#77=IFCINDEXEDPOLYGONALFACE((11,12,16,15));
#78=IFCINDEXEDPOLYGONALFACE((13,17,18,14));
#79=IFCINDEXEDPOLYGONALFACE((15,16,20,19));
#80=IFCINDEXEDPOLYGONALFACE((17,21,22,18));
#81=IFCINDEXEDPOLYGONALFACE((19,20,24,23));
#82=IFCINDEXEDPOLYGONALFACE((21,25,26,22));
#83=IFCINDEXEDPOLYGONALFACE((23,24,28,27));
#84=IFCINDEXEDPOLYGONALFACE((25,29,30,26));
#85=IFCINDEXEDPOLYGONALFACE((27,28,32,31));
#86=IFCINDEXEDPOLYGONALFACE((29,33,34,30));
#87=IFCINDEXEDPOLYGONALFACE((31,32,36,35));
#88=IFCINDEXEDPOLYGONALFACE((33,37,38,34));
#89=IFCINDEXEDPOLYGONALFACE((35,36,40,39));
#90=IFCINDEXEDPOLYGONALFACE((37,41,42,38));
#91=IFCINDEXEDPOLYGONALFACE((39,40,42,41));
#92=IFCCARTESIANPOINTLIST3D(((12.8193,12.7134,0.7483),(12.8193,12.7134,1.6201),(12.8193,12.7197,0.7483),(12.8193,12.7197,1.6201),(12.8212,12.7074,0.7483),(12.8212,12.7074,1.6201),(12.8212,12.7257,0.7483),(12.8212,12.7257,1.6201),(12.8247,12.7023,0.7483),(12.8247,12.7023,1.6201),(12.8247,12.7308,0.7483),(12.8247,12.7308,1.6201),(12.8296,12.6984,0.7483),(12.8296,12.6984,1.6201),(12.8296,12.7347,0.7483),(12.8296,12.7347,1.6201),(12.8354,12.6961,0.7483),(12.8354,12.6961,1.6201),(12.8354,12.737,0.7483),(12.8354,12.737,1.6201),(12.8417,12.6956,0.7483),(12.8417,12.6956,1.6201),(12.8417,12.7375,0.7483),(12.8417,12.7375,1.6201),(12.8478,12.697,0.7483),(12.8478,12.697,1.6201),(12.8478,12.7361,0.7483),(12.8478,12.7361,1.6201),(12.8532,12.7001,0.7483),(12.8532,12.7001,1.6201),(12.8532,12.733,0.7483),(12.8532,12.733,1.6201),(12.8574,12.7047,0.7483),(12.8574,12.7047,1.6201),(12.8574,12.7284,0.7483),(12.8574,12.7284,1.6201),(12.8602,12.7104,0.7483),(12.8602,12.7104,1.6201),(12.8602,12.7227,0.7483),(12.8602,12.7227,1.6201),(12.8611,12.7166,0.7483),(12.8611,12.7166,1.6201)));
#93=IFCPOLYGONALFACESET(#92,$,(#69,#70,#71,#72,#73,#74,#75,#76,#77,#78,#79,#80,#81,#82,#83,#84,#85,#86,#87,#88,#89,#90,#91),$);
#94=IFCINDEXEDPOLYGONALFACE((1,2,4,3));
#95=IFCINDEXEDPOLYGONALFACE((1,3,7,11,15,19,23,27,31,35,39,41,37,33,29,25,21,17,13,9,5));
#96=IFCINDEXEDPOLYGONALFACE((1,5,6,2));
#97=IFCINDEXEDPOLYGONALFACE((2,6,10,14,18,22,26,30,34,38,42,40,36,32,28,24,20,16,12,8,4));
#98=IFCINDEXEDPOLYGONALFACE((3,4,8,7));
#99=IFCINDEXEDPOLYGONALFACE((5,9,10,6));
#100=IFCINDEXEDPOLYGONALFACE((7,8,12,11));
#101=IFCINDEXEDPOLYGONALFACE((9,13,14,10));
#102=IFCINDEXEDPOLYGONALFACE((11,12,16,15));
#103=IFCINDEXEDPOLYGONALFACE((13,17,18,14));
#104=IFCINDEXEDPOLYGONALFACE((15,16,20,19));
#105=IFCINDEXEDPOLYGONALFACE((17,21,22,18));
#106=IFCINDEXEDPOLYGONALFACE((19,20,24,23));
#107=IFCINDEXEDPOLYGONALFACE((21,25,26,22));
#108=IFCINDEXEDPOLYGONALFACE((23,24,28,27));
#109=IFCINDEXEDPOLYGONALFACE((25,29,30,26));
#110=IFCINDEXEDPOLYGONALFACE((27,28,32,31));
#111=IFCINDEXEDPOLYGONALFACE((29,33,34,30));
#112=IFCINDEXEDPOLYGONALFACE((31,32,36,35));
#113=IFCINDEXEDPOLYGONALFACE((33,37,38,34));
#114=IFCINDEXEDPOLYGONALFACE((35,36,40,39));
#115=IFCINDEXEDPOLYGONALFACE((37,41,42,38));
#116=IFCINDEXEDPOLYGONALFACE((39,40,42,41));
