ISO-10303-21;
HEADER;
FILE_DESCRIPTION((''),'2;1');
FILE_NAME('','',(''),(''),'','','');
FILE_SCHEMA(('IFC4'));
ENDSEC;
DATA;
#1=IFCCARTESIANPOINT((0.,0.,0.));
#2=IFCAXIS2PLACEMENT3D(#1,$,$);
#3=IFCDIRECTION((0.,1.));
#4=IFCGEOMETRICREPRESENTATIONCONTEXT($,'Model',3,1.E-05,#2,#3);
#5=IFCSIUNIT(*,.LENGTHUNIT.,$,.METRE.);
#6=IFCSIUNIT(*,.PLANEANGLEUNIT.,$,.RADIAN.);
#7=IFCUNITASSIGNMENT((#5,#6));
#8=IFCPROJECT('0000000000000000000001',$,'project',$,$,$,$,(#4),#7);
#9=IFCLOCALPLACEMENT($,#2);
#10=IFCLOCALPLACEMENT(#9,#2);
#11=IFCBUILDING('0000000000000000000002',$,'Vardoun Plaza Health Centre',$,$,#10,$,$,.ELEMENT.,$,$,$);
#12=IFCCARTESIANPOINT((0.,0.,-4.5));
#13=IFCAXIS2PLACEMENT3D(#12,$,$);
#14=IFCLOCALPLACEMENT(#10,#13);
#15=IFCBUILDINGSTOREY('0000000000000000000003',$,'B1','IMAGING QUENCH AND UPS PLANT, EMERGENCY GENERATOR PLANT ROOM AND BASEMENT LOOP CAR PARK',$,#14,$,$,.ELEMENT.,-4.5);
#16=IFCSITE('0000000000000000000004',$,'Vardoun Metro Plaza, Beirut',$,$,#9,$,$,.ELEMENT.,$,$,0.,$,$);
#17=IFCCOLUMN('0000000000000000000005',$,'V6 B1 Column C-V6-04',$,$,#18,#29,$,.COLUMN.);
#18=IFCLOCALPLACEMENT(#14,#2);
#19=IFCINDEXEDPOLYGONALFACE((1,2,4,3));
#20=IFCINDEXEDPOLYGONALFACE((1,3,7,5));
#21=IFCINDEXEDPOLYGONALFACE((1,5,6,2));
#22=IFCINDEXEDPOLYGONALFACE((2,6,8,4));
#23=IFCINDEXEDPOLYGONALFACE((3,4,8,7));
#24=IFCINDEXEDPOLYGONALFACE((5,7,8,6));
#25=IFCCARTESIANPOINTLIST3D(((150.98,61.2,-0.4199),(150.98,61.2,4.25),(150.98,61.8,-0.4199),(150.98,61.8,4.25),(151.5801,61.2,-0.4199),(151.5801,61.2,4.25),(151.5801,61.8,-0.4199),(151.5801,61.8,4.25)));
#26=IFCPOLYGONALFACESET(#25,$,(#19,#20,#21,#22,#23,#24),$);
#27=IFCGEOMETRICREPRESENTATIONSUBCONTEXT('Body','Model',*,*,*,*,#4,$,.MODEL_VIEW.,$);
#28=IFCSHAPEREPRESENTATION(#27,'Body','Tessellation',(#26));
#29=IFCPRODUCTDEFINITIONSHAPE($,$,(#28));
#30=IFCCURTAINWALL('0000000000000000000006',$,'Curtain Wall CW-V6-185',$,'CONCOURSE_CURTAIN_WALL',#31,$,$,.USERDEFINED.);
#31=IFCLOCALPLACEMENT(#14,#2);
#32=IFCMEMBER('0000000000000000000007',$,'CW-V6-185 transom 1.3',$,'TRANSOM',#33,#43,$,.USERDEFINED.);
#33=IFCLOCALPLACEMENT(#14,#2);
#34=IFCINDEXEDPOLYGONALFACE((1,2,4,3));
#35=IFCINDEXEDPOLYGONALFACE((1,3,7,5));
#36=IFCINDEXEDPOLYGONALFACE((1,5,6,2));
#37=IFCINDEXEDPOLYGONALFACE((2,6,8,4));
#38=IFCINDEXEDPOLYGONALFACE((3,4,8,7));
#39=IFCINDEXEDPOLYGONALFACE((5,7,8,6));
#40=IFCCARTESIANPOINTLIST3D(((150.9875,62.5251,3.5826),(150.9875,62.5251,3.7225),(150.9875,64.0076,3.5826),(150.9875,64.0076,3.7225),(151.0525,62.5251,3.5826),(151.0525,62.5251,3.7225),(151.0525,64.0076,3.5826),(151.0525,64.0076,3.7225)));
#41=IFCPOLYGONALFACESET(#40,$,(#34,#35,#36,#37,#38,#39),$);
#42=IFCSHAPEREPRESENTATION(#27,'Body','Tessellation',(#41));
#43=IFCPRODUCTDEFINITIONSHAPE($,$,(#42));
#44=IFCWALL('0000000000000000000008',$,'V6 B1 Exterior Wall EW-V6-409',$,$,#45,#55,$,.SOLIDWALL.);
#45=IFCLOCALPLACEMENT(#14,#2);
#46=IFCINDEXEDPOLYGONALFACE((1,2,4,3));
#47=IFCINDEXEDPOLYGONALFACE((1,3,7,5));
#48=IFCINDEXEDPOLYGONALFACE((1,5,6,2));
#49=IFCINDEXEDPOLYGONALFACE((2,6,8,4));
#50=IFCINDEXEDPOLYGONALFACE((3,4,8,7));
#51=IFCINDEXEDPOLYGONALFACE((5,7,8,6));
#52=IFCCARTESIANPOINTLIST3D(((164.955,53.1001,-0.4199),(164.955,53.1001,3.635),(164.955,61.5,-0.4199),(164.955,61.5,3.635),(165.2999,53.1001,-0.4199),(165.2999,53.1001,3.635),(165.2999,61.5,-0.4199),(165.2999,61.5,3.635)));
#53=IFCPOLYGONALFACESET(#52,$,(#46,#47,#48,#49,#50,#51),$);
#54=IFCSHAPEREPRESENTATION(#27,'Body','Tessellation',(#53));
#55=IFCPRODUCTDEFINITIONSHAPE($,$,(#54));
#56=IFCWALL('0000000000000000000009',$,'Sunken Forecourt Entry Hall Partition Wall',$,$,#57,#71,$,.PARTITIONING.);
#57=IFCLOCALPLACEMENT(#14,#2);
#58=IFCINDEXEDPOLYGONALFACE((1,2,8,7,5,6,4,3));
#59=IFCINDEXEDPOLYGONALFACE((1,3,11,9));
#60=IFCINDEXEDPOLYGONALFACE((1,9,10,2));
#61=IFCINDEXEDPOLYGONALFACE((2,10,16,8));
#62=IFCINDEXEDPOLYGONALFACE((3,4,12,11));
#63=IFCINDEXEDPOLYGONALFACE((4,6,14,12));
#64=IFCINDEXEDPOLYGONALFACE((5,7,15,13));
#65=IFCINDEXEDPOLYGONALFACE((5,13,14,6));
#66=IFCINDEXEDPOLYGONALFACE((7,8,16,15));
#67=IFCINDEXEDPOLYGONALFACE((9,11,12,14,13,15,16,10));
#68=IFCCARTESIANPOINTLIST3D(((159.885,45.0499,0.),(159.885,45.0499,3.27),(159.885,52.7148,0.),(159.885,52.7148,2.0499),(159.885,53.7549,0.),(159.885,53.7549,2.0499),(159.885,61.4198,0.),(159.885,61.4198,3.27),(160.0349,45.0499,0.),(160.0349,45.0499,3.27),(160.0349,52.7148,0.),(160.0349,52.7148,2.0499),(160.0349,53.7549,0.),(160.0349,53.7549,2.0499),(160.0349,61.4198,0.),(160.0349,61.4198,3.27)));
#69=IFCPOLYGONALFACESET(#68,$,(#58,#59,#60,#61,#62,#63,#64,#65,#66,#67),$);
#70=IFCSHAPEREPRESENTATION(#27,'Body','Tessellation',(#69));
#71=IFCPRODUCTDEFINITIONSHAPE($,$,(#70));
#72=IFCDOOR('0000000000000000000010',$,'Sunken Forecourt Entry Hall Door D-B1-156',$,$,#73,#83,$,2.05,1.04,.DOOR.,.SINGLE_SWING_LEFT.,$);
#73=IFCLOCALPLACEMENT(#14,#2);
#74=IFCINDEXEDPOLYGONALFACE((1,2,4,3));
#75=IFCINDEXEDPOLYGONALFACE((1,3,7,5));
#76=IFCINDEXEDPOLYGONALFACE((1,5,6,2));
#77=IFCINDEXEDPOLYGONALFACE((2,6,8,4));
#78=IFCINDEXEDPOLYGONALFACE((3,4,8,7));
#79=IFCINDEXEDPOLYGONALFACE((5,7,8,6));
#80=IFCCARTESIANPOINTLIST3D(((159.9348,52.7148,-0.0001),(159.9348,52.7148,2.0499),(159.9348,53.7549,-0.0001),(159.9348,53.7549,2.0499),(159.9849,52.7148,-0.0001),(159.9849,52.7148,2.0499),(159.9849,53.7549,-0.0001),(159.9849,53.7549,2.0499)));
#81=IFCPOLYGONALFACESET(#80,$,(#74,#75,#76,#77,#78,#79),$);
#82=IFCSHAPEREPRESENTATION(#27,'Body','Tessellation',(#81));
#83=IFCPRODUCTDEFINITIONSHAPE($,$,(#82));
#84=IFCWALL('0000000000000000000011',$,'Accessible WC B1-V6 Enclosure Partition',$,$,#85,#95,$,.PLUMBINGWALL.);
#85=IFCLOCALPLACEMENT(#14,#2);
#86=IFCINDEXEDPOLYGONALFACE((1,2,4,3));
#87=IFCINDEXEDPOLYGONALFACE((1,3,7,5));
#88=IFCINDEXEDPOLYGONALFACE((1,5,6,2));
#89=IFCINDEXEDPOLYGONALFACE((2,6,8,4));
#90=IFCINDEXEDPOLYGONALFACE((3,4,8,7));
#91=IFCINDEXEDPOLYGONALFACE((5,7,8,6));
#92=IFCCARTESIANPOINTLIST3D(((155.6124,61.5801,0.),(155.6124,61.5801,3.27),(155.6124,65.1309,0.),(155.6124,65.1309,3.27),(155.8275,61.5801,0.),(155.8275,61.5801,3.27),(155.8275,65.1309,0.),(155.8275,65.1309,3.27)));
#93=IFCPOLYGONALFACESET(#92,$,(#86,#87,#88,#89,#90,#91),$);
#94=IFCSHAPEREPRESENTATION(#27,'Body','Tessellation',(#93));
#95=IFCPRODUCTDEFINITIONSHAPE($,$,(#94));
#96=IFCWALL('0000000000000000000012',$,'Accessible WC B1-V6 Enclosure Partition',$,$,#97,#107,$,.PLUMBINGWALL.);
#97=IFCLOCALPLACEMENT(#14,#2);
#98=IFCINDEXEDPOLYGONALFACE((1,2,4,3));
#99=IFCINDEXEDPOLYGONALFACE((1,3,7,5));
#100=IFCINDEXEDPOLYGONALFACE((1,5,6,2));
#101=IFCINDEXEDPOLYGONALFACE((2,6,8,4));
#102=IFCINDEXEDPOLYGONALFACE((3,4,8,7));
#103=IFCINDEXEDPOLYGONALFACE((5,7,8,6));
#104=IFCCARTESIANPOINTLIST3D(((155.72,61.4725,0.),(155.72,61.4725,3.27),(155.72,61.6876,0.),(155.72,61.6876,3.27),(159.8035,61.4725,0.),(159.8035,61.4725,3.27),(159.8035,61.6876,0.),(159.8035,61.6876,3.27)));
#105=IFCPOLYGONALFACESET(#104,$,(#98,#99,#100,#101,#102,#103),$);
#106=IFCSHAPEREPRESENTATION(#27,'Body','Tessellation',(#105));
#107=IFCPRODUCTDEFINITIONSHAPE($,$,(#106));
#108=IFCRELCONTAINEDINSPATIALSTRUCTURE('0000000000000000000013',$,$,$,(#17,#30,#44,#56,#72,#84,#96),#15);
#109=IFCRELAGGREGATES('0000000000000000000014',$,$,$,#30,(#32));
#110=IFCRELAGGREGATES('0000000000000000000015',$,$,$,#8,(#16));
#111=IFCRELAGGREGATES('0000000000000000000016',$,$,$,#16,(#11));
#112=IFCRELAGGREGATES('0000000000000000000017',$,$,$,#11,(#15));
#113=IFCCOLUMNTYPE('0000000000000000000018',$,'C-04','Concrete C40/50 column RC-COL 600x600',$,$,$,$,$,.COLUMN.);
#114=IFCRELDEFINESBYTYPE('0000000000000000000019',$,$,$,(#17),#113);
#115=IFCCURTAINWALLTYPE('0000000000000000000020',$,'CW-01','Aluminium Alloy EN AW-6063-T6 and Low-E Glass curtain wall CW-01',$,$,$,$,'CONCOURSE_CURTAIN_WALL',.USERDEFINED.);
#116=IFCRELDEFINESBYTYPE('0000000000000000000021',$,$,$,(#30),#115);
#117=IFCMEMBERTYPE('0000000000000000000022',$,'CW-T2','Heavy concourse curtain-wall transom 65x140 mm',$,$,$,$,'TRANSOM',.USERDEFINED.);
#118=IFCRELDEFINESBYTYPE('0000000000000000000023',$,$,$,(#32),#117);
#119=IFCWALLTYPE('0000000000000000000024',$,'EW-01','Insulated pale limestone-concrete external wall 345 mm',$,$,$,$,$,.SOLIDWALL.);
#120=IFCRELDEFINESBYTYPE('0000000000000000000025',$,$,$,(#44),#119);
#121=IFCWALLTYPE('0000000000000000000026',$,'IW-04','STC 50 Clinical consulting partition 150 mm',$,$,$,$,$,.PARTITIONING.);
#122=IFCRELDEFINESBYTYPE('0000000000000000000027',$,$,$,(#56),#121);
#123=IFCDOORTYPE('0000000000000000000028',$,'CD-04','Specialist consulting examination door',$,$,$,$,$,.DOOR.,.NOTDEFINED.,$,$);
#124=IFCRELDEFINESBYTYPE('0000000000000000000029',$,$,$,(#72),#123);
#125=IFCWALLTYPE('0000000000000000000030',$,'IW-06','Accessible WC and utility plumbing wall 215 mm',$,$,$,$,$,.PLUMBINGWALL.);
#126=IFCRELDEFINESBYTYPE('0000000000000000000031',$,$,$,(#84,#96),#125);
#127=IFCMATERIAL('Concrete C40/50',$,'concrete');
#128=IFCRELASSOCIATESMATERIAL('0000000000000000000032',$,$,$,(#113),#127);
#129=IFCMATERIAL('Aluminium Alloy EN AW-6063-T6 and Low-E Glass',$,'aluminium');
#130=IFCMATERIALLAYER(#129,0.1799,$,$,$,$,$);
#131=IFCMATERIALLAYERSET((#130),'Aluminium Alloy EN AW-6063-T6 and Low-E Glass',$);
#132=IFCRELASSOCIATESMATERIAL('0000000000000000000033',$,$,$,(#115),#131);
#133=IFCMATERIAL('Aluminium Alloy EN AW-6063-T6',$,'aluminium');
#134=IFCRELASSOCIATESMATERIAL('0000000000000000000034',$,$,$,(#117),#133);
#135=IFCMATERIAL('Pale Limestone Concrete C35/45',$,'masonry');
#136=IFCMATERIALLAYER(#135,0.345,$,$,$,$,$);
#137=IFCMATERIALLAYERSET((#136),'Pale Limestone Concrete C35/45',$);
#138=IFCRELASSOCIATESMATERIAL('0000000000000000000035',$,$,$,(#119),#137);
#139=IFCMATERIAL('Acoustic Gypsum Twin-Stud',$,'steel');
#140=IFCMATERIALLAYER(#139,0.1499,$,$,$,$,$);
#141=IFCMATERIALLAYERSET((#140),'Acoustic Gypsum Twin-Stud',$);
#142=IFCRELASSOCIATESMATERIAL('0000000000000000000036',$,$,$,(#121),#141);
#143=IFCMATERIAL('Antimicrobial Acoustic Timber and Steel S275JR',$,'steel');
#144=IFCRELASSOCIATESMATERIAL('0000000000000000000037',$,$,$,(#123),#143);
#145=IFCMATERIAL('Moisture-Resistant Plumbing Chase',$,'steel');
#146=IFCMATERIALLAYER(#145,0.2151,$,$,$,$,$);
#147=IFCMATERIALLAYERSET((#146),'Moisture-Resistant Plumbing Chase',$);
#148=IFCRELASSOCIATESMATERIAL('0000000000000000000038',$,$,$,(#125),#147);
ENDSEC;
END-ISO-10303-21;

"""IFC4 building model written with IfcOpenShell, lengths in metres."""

from ifc_helpers import new_model, si_unit, direction, frame, frame_2d, origin, origin_2d, place, context, subcontext, project, spatial, rectangle, extrude, material, layer, layer_set, material_profile, profile_set, type_object, element, fill, aggregate, save


model = new_model("IFC4")

# Units and contexts
model_context = context("Model", 3, precision=1e-05, world=origin(), true_north=direction((0.0, 1.0)))
body_context = subcontext(model_context, "Body", "Model", "MODEL_VIEW")
ifc_project = project(units=[si_unit("LENGTHUNIT", "METRE"), si_unit("PLANEANGLEUNIT", "RADIAN")], contexts=[model_context])

# Site, building, storey
site_placement = place(None, origin())
site = spatial("IfcSite", under=ifc_project, at=site_placement, Name="Vardoun Metro Plaza, Beirut", CompositionType="ELEMENT", RefElevation=0.0)
building_placement = place(site_placement, origin())
building = spatial("IfcBuilding", under=site, at=building_placement, Name="Vardoun Plaza Health Centre", CompositionType="ELEMENT")
storey_placement = place(building_placement, frame((0.0, 0.0, -4.5)))
storey = spatial("IfcBuildingStorey", under=building, at=storey_placement, Name="B1", Description="IMAGING QUENCH AND UPS PLANT, EMERGENCY GENERATOR PLANT ROOM AND BASEMENT LOOP CAR PARK", CompositionType="ELEMENT", Elevation=-4.5)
*-*-*
• Task to carry out: Read the entries and show each line that mentions "Enclosure".

• Response to the exercise:
#84=IFCWALL('0000000000000000000011',$,'Accessible WC B1-V6 Enclosure Partition',$,$,#85,#95,$,.PLUMBINGWALL.);
#96=IFCWALL('0000000000000000000012',$,'Accessible WC B1-V6 Enclosure Partition',$,$,#97,#107,$,.PLUMBINGWALL.);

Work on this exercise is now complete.